■ **RECORDS SUPPLIED**

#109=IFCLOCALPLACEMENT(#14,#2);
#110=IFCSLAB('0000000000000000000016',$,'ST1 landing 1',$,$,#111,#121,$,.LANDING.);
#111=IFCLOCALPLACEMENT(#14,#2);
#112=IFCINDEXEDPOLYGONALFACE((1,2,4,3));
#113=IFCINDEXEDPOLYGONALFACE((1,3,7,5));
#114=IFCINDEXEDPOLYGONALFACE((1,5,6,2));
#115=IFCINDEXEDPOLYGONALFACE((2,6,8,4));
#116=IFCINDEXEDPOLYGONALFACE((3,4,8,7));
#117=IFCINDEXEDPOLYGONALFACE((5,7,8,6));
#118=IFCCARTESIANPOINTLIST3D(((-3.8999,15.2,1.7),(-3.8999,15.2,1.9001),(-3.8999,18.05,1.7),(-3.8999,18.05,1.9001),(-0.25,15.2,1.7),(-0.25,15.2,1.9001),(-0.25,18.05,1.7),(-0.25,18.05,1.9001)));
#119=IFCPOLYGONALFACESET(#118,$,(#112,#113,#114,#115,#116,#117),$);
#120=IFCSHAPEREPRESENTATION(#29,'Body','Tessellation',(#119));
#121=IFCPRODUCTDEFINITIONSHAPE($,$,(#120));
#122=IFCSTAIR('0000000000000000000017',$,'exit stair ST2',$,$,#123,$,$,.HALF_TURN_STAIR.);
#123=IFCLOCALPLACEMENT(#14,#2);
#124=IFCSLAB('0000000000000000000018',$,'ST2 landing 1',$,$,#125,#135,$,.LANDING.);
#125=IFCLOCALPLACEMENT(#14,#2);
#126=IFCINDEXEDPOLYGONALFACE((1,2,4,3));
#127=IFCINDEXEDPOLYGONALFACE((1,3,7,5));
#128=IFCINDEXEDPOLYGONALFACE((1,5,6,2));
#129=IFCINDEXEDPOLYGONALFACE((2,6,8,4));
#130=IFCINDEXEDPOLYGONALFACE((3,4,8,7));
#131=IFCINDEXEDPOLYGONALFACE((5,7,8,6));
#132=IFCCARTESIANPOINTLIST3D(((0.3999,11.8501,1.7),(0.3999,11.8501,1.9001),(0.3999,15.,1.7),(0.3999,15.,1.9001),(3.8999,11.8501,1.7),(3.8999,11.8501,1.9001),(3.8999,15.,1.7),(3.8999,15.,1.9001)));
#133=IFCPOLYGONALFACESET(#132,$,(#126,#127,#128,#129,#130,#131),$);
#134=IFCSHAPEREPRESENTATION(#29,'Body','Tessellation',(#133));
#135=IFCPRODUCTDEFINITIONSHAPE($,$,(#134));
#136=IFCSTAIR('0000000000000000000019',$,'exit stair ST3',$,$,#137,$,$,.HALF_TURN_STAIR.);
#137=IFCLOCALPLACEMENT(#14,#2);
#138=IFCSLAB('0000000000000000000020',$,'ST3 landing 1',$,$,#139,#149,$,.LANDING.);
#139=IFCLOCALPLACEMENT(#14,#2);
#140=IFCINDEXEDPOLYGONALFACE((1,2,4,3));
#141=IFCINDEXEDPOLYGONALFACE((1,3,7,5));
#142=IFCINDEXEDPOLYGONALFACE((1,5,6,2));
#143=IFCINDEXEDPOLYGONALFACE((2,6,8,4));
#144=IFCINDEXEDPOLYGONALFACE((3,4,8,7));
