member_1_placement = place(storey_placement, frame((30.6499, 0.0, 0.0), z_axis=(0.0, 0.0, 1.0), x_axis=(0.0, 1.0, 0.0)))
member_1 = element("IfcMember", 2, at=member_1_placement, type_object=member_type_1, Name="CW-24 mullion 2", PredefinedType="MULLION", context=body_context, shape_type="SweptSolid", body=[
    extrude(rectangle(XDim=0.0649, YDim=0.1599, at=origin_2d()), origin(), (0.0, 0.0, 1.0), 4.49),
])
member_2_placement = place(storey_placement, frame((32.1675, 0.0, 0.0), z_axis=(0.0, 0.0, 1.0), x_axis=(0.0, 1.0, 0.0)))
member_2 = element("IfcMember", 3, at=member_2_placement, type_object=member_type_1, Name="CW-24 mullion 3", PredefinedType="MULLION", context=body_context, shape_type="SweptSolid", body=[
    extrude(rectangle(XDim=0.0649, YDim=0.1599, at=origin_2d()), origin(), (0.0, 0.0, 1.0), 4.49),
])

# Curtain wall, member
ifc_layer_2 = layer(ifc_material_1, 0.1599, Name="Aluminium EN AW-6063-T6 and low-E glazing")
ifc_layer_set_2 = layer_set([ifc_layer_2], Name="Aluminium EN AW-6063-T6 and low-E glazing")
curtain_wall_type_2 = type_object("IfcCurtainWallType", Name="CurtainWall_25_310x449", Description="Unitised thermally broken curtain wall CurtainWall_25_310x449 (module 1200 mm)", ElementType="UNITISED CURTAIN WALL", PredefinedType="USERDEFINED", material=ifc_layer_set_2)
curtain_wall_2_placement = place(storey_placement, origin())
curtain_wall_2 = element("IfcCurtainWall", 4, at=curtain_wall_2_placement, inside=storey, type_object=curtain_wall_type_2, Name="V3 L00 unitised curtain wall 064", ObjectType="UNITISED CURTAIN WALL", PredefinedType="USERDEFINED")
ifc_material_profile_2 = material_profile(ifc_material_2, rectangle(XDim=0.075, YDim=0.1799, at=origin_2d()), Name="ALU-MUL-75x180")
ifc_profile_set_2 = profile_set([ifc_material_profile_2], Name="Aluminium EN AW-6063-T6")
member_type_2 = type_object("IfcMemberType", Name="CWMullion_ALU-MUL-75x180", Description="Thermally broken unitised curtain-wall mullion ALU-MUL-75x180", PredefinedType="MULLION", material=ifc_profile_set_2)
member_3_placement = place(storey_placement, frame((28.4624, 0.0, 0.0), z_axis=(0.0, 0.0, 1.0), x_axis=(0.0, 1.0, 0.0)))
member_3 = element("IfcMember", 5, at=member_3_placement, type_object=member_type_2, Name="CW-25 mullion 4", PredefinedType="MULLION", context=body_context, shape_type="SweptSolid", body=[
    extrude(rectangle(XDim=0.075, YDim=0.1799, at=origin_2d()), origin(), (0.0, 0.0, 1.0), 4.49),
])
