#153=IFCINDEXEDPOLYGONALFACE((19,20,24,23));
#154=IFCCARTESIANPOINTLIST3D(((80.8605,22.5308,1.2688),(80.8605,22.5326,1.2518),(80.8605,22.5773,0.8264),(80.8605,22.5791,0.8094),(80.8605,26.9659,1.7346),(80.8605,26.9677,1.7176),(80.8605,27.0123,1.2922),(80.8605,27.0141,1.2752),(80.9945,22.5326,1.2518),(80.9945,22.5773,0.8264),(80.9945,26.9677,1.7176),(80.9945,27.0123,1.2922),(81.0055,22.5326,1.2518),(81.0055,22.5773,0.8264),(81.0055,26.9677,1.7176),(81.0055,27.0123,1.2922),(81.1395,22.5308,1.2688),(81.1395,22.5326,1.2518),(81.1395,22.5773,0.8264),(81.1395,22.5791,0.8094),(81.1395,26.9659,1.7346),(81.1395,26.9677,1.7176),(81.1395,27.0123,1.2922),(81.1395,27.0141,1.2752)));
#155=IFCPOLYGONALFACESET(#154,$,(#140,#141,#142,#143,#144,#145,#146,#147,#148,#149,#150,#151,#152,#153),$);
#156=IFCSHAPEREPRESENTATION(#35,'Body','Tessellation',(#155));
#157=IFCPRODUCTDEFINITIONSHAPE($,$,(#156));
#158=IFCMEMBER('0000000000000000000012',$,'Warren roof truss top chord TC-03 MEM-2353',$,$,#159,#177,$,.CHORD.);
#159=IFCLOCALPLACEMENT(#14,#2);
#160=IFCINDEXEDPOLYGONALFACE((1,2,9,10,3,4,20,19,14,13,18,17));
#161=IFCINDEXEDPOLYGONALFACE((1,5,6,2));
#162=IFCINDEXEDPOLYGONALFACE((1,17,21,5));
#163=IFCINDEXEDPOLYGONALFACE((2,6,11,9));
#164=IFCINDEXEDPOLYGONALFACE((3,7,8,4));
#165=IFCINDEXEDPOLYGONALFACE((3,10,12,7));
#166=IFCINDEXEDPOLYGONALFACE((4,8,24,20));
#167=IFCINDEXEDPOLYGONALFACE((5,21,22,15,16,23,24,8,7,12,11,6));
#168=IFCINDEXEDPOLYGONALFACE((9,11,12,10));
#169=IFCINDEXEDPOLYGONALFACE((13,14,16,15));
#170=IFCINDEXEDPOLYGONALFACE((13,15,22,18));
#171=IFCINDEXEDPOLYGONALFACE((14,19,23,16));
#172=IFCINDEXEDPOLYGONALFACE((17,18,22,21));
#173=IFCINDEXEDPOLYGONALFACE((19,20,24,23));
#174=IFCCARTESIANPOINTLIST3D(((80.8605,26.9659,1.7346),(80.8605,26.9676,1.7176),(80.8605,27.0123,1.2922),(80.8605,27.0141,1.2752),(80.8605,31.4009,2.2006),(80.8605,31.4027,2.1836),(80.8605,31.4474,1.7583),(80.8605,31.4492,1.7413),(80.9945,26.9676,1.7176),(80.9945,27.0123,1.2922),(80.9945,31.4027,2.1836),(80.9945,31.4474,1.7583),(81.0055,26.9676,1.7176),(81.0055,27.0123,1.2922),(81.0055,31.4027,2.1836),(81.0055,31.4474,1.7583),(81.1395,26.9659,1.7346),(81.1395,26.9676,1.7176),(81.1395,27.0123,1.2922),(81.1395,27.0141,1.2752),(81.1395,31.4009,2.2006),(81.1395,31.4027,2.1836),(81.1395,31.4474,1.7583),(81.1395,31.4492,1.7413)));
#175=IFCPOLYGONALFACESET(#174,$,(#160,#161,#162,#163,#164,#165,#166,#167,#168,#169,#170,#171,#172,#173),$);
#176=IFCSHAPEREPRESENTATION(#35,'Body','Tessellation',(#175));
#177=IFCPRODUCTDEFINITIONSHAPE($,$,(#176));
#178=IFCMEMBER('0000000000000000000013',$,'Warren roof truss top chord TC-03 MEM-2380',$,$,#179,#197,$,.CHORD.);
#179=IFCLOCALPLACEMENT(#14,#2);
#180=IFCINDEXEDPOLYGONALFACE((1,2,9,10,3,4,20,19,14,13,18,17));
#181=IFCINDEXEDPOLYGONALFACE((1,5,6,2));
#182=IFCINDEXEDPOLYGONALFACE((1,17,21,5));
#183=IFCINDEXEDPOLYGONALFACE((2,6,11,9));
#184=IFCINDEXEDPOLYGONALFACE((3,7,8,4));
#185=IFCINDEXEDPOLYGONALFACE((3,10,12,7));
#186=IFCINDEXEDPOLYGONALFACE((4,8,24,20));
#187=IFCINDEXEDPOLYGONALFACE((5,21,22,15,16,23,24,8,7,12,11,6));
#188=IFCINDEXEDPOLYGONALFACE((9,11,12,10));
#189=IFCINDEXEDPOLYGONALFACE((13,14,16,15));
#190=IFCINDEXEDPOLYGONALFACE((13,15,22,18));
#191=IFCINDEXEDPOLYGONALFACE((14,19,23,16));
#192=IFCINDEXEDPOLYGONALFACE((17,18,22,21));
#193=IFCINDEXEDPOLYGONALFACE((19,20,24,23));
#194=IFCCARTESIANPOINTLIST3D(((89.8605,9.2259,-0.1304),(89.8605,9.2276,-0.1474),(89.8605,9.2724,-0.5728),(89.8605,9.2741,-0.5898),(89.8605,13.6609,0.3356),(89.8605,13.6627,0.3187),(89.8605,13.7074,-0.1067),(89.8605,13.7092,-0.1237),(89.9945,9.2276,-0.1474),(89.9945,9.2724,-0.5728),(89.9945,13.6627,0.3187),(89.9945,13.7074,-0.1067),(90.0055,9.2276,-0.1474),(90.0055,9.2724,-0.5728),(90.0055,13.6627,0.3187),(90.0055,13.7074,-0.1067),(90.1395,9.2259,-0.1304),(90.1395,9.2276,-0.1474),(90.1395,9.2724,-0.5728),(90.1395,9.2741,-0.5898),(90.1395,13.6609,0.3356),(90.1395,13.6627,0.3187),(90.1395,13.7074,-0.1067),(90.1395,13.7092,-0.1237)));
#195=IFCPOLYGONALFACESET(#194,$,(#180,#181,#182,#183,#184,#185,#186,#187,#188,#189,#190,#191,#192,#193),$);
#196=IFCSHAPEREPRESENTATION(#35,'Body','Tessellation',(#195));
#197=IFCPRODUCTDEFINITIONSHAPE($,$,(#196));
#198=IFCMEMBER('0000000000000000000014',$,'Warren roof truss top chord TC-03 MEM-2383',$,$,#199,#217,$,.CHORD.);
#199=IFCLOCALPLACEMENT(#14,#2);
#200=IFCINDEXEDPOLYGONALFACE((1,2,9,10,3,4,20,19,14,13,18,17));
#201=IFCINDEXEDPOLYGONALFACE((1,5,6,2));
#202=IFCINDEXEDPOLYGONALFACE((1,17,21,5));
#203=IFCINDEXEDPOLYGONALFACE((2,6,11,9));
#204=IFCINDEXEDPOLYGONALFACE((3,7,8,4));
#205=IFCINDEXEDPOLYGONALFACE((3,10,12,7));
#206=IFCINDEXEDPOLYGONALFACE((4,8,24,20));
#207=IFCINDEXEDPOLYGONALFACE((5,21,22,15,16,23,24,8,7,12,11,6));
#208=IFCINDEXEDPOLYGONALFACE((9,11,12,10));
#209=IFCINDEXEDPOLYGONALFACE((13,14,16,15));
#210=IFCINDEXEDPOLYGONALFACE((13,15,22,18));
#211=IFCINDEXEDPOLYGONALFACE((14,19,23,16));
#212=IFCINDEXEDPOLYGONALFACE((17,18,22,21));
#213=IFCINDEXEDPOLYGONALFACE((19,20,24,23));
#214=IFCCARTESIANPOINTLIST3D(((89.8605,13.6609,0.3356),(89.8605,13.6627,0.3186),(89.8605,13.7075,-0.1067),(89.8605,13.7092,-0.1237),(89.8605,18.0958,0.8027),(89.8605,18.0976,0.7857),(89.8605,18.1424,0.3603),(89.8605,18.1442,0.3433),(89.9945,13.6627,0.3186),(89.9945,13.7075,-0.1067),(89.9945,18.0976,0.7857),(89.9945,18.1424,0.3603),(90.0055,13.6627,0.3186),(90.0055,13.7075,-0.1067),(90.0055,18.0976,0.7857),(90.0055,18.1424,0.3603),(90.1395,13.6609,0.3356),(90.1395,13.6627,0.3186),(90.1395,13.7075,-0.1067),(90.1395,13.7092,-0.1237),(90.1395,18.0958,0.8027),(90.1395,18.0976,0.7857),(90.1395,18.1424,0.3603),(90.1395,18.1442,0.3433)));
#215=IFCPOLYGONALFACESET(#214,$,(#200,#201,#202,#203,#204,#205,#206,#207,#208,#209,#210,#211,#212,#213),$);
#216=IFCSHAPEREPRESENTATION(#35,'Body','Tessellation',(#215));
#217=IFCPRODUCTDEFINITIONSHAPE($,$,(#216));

■ **TASK ITEM**
In the listing, find every line with the word "CHORD" and return it.

■ **TASK RESPONSE**
#158=IFCMEMBER('0000000000000000000012',$,'Warren roof truss top chord TC-03 MEM-2353',$,$,#159,#177,$,.CHORD.);
#178=IFCMEMBER('0000000000000000000013',$,'Warren roof truss top chord TC-03 MEM-2380',$,$,#179,#197,$,.CHORD.);
#198=IFCMEMBER('0000000000000000000014',$,'Warren roof truss top chord TC-03 MEM-2383',$,$,#199,#217,$,.CHORD.);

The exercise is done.